**Work to be completed:** Extract exactly those lines that lie between the start of the material and the line with "#193=IFCINDEXEDPOLYGONALFACE((19,20,24,23));", including both boundary lines and no others.

————————

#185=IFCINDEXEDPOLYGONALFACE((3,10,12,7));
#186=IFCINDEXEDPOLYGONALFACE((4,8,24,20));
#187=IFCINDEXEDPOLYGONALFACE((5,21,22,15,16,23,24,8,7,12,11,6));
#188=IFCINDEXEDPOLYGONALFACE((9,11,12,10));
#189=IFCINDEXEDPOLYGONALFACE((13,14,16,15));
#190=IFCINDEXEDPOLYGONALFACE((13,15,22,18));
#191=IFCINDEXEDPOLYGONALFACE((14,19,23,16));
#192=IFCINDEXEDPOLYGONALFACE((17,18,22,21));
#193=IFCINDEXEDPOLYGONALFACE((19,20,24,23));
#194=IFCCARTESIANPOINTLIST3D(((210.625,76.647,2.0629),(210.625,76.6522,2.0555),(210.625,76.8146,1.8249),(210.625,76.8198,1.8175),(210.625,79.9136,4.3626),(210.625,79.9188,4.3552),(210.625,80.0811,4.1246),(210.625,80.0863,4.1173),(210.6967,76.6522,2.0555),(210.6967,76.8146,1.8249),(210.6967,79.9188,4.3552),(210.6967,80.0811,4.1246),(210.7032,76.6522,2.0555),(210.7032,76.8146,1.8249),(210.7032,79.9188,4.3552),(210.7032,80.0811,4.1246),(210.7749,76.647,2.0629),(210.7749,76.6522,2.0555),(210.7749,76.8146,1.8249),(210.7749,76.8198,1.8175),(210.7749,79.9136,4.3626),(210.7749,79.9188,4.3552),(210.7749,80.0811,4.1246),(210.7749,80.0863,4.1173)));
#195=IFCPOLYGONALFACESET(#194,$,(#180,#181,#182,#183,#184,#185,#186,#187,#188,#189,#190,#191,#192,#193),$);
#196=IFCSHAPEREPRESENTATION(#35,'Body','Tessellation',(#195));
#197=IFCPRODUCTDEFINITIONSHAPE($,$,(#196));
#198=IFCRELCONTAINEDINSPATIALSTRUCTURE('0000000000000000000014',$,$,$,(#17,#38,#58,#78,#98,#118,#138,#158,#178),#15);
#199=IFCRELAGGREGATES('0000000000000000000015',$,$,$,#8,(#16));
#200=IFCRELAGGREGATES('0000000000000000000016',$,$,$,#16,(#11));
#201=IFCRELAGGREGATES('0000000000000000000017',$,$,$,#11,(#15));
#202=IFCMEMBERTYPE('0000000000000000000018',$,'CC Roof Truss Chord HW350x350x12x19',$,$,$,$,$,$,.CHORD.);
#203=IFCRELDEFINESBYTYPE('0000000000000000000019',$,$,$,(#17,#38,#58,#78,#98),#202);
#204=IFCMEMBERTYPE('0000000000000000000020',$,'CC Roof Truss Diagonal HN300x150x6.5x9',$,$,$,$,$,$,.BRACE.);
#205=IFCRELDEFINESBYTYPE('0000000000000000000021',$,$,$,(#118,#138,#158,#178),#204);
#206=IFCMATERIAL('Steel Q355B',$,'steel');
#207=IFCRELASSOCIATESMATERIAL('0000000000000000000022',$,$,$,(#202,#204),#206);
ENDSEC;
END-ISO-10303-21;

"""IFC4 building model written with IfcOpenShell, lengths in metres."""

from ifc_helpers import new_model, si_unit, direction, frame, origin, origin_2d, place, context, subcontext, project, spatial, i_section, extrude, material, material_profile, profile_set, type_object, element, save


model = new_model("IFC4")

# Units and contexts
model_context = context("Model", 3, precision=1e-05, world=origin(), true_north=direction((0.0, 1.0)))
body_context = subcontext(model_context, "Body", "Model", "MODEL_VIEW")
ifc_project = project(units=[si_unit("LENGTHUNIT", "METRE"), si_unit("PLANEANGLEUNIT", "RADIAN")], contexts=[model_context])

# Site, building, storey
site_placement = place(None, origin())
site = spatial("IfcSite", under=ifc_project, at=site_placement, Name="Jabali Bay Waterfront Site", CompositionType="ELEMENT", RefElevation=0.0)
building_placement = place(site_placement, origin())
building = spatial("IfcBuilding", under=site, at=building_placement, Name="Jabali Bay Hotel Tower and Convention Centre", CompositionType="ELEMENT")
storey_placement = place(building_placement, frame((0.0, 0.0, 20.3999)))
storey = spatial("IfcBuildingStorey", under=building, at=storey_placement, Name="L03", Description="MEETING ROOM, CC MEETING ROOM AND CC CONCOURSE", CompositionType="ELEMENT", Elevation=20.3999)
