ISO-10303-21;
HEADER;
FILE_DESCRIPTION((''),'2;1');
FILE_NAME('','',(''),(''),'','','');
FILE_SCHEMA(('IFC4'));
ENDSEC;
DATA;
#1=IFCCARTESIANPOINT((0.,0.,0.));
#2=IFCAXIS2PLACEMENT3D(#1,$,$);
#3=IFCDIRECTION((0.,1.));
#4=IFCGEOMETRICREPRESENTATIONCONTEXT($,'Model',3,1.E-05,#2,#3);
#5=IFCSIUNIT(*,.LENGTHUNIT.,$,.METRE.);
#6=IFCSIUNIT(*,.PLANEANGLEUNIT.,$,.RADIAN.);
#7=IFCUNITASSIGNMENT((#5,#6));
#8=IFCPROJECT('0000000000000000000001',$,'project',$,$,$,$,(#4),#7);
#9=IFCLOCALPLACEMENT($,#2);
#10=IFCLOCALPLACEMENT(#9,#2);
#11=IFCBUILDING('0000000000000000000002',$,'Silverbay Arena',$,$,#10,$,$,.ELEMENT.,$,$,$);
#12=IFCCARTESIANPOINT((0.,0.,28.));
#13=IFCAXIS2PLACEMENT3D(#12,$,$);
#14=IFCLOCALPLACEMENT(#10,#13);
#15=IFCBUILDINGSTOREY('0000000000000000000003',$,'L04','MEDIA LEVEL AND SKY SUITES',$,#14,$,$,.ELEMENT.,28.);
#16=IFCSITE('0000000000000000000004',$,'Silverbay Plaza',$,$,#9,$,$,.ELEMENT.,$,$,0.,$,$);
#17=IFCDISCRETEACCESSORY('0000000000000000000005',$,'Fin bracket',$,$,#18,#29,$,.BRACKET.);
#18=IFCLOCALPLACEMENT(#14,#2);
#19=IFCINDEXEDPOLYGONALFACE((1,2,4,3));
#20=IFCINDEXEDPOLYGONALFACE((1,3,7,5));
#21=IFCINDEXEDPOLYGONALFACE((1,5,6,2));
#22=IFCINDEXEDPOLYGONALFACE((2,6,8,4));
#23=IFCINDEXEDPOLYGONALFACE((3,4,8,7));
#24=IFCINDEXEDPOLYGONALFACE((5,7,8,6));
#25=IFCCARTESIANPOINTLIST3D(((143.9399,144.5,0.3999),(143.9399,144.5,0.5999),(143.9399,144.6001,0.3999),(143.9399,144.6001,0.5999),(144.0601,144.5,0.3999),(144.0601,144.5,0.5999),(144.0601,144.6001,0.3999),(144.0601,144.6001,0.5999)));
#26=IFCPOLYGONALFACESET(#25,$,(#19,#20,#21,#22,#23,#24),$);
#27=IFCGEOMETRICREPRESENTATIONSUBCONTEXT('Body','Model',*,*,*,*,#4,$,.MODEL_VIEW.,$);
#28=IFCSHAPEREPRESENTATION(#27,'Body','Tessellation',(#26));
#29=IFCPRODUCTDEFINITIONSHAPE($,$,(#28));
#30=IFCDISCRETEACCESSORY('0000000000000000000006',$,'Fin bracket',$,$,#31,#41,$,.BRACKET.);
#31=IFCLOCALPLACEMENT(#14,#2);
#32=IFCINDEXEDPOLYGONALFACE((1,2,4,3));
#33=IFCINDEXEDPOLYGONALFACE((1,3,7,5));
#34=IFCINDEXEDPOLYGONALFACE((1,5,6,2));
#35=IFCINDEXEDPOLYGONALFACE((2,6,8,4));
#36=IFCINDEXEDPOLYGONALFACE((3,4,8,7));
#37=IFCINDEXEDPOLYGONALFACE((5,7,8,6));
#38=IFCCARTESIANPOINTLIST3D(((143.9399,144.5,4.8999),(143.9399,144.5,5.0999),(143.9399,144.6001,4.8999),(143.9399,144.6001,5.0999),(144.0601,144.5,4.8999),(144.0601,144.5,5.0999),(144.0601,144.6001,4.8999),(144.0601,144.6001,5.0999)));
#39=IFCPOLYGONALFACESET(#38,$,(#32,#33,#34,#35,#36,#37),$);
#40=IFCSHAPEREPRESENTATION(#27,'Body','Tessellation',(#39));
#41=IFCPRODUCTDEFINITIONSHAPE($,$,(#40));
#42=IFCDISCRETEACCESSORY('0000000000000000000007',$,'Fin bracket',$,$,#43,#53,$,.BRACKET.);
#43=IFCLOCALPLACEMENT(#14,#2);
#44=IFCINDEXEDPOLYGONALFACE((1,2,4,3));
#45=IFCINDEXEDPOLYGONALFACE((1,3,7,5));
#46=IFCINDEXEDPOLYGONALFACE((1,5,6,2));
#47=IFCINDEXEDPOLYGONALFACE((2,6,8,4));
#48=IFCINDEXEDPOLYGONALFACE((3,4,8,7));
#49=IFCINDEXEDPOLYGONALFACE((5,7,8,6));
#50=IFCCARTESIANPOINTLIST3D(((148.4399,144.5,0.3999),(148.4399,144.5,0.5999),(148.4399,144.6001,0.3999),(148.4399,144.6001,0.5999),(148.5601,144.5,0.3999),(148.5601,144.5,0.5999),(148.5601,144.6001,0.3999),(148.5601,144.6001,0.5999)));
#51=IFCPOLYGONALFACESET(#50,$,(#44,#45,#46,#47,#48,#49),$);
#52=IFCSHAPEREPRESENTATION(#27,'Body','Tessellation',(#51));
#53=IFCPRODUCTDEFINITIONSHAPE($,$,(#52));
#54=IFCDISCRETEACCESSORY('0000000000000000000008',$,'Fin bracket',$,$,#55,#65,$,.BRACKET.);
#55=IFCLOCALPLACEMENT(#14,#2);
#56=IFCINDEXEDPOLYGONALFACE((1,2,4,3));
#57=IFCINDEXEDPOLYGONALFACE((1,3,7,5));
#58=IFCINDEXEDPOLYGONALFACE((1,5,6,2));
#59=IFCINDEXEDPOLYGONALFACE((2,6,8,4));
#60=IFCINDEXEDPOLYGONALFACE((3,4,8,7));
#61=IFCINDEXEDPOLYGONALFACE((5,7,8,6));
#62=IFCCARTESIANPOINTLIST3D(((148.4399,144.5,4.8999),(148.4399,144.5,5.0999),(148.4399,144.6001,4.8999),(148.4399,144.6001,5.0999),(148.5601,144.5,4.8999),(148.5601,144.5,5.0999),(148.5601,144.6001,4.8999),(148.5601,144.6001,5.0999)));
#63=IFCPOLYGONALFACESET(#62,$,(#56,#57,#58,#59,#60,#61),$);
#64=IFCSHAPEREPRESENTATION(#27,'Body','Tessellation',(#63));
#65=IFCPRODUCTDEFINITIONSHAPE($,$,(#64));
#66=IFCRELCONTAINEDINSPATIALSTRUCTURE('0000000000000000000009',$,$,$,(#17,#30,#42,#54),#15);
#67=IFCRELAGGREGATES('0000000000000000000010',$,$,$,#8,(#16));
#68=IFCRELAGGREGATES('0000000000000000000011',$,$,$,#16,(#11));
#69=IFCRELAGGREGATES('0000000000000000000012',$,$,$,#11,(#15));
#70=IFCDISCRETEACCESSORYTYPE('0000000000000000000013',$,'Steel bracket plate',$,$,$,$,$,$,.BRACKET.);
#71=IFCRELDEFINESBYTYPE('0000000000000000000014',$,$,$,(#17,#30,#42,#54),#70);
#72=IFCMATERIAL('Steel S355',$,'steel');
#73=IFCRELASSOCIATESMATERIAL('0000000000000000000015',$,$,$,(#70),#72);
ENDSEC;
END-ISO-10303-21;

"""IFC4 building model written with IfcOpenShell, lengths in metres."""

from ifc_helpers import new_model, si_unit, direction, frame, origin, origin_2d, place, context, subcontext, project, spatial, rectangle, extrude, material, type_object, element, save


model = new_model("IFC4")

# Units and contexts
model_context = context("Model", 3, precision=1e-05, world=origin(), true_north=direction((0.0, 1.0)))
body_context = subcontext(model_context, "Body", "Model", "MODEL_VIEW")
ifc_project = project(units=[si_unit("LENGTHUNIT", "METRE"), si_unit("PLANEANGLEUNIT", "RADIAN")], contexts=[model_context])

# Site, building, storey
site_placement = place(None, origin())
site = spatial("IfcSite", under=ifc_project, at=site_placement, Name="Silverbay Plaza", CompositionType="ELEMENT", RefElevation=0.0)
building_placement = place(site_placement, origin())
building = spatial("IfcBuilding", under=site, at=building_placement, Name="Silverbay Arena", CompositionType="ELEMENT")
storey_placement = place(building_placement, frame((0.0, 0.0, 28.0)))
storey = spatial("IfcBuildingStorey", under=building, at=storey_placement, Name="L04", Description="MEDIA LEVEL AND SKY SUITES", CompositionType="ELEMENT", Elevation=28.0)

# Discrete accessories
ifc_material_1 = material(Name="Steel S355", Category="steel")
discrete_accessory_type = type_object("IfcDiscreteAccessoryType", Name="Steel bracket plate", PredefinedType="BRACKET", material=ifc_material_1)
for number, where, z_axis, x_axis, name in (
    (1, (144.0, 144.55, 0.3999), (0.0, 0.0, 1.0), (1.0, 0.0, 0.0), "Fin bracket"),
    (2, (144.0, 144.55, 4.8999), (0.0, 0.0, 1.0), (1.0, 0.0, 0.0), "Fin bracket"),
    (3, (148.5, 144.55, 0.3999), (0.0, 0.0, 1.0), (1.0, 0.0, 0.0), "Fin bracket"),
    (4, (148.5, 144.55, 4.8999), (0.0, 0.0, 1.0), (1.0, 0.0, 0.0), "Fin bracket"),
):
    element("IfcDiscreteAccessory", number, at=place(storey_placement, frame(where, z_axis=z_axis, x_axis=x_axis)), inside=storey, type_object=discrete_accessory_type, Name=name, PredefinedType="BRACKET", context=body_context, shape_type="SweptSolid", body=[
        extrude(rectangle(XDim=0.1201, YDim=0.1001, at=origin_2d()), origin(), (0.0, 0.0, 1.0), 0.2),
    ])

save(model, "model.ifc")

————————

**The completed task:**
#185=IFCINDEXEDPOLYGONALFACE((3,10,12,7));
#186=IFCINDEXEDPOLYGONALFACE((4,8,24,20));
#187=IFCINDEXEDPOLYGONALFACE((5,21,22,15,16,23,24,8,7,12,11,6));
#188=IFCINDEXEDPOLYGONALFACE((9,11,12,10));
#189=IFCINDEXEDPOLYGONALFACE((13,14,16,15));
#190=IFCINDEXEDPOLYGONALFACE((13,15,22,18));
#191=IFCINDEXEDPOLYGONALFACE((14,19,23,16));
#192=IFCINDEXEDPOLYGONALFACE((17,18,22,21));
#193=IFCINDEXEDPOLYGONALFACE((19,20,24,23));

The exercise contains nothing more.